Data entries
################

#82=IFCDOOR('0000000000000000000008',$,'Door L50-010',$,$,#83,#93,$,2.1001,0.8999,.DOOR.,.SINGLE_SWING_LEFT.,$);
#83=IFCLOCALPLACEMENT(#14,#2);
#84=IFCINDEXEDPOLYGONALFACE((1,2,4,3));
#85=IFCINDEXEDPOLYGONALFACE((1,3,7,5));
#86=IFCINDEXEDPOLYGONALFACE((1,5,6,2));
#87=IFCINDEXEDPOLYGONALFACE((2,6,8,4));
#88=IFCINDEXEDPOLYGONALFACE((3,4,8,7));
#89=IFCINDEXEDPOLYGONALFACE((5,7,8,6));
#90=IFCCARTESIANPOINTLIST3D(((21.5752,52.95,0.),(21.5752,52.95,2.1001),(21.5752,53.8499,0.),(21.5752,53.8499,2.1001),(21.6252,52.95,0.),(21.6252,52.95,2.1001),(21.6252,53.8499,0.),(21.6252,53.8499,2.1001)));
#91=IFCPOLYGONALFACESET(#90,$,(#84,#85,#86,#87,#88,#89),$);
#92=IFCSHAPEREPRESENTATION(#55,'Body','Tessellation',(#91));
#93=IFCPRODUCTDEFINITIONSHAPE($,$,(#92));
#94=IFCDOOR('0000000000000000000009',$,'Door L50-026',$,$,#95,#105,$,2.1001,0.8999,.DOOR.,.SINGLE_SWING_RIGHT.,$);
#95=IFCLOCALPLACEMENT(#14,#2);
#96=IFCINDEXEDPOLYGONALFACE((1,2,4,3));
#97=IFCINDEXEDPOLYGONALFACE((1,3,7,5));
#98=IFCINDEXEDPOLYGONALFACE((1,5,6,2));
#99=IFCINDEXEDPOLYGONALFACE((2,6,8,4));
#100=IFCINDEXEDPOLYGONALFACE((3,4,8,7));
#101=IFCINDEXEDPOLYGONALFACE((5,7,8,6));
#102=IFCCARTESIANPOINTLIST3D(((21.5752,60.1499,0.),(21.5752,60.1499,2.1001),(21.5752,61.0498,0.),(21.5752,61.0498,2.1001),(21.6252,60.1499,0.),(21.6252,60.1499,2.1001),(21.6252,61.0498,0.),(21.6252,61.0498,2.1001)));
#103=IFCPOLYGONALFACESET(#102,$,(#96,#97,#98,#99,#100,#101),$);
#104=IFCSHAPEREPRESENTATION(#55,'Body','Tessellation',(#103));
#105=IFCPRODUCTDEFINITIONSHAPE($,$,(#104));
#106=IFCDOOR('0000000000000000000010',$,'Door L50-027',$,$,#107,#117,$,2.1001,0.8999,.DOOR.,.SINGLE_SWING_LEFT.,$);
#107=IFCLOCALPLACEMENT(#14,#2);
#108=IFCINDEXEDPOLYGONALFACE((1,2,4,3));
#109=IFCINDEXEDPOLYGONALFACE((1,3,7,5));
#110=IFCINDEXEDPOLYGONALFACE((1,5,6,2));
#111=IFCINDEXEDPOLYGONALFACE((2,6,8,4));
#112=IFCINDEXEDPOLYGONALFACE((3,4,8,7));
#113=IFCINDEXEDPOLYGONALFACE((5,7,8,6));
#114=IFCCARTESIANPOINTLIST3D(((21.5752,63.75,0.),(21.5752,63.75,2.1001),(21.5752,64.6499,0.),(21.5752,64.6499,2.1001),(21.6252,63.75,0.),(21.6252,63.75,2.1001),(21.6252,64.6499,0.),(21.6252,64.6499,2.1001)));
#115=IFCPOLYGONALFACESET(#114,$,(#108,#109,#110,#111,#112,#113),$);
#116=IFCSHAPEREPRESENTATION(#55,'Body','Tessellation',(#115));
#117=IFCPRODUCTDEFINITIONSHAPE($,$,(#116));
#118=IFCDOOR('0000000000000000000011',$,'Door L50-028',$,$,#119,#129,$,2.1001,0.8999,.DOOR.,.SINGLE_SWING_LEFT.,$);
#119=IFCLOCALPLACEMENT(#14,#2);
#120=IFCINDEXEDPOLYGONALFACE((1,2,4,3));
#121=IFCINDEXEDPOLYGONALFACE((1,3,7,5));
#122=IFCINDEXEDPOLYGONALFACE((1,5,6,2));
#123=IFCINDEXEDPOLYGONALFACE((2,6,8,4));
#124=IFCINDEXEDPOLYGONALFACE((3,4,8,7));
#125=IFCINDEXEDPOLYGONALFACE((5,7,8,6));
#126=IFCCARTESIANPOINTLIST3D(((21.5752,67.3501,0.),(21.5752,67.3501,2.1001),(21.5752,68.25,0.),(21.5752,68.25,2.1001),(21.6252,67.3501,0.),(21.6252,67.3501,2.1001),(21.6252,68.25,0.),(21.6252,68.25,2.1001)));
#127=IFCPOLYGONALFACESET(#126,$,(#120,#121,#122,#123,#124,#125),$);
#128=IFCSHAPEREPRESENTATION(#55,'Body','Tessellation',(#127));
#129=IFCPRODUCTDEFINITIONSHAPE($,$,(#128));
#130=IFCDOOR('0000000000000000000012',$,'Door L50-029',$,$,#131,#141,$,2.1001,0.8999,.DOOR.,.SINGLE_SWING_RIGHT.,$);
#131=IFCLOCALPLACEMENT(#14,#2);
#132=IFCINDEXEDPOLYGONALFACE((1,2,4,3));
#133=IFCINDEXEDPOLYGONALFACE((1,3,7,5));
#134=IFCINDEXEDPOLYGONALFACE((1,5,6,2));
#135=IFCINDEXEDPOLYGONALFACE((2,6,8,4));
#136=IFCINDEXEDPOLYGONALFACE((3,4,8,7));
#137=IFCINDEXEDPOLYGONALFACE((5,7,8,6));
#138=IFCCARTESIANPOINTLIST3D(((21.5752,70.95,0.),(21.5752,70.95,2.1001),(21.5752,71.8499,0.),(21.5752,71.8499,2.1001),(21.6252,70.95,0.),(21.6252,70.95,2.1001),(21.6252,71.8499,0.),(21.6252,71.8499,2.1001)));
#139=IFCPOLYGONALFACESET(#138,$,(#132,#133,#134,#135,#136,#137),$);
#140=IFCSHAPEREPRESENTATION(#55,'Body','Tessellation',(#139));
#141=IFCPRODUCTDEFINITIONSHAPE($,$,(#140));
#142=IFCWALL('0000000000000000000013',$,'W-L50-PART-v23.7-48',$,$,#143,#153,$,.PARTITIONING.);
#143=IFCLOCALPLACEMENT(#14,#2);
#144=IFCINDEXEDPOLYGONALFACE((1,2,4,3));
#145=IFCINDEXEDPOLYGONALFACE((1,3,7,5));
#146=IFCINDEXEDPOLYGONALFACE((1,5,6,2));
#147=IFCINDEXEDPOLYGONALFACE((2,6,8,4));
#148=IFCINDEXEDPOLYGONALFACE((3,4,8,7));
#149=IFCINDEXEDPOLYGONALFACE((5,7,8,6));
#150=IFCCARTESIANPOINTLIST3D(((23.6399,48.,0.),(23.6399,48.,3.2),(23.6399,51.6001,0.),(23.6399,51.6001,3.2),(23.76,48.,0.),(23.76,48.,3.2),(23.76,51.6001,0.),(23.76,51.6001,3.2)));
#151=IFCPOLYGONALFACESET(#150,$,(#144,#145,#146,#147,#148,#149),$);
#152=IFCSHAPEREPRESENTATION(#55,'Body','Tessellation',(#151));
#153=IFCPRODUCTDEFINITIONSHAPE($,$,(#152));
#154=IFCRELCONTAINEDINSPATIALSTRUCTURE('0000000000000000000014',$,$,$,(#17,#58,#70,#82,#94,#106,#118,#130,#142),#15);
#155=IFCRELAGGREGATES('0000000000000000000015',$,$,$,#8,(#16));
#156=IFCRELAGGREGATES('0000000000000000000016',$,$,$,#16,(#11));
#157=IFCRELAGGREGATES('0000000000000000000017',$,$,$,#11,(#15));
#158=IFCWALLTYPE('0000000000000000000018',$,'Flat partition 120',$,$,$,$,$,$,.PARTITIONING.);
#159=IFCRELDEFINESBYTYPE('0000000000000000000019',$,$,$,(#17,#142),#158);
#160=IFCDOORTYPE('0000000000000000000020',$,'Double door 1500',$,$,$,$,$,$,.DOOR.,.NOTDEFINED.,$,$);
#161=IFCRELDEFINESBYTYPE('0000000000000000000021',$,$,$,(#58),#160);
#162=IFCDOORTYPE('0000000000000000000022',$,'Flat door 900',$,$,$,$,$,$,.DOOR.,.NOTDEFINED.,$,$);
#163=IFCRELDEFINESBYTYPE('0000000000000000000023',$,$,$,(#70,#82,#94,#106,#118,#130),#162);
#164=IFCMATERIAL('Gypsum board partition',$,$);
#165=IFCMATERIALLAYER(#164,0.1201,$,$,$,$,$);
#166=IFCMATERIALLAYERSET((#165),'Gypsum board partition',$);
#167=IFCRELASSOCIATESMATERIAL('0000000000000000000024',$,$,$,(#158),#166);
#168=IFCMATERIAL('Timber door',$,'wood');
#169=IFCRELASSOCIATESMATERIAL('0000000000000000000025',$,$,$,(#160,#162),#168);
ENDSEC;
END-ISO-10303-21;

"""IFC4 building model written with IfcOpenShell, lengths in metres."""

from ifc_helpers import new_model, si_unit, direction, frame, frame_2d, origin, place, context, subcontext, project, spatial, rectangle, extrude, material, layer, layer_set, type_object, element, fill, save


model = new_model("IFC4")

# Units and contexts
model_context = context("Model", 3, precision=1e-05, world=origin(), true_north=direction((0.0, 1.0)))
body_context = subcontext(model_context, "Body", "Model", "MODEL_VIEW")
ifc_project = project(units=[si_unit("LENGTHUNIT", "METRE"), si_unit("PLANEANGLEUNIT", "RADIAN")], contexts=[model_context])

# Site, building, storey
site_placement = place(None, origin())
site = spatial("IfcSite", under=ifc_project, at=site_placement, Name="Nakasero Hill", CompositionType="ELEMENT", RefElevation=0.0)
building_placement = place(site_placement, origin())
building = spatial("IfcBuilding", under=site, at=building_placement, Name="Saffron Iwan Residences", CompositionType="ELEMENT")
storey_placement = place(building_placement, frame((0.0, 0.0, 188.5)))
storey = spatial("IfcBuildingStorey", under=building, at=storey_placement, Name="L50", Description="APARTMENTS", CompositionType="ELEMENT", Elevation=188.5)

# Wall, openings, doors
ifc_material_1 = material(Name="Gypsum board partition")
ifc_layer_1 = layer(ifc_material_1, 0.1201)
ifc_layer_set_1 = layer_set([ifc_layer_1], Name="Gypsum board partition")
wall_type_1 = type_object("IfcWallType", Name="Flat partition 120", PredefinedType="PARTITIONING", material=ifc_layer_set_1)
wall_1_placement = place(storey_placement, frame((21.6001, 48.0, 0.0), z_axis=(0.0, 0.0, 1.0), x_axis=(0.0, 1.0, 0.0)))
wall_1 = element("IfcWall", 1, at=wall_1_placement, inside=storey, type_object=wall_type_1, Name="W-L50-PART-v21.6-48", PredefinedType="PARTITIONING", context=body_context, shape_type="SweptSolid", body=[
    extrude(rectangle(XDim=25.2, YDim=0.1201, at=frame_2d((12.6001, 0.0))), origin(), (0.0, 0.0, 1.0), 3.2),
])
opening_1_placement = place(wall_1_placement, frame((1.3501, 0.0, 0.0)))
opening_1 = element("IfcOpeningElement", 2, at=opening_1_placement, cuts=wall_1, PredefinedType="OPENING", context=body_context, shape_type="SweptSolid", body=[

################

Reproduce verbatim the lines above, from the line with "#104=IFCSHAPEREPRESENTATION(#55,'Body','Tessellation',(#103));" through the line with "#109=IFCINDEXEDPOLYGONALFACE((1,3,7,5));".

- **Problem solution**:
#104=IFCSHAPEREPRESENTATION(#55,'Body','Tessellation',(#103));
#105=IFCPRODUCTDEFINITIONSHAPE($,$,(#104));
#106=IFCDOOR('0000000000000000000010',$,'Door L50-027',$,$,#107,#117,$,2.1001,0.8999,.DOOR.,.SINGLE_SWING_LEFT.,$);
#107=IFCLOCALPLACEMENT(#14,#2);
#108=IFCINDEXEDPOLYGONALFACE((1,2,4,3));
#109=IFCINDEXEDPOLYGONALFACE((1,3,7,5));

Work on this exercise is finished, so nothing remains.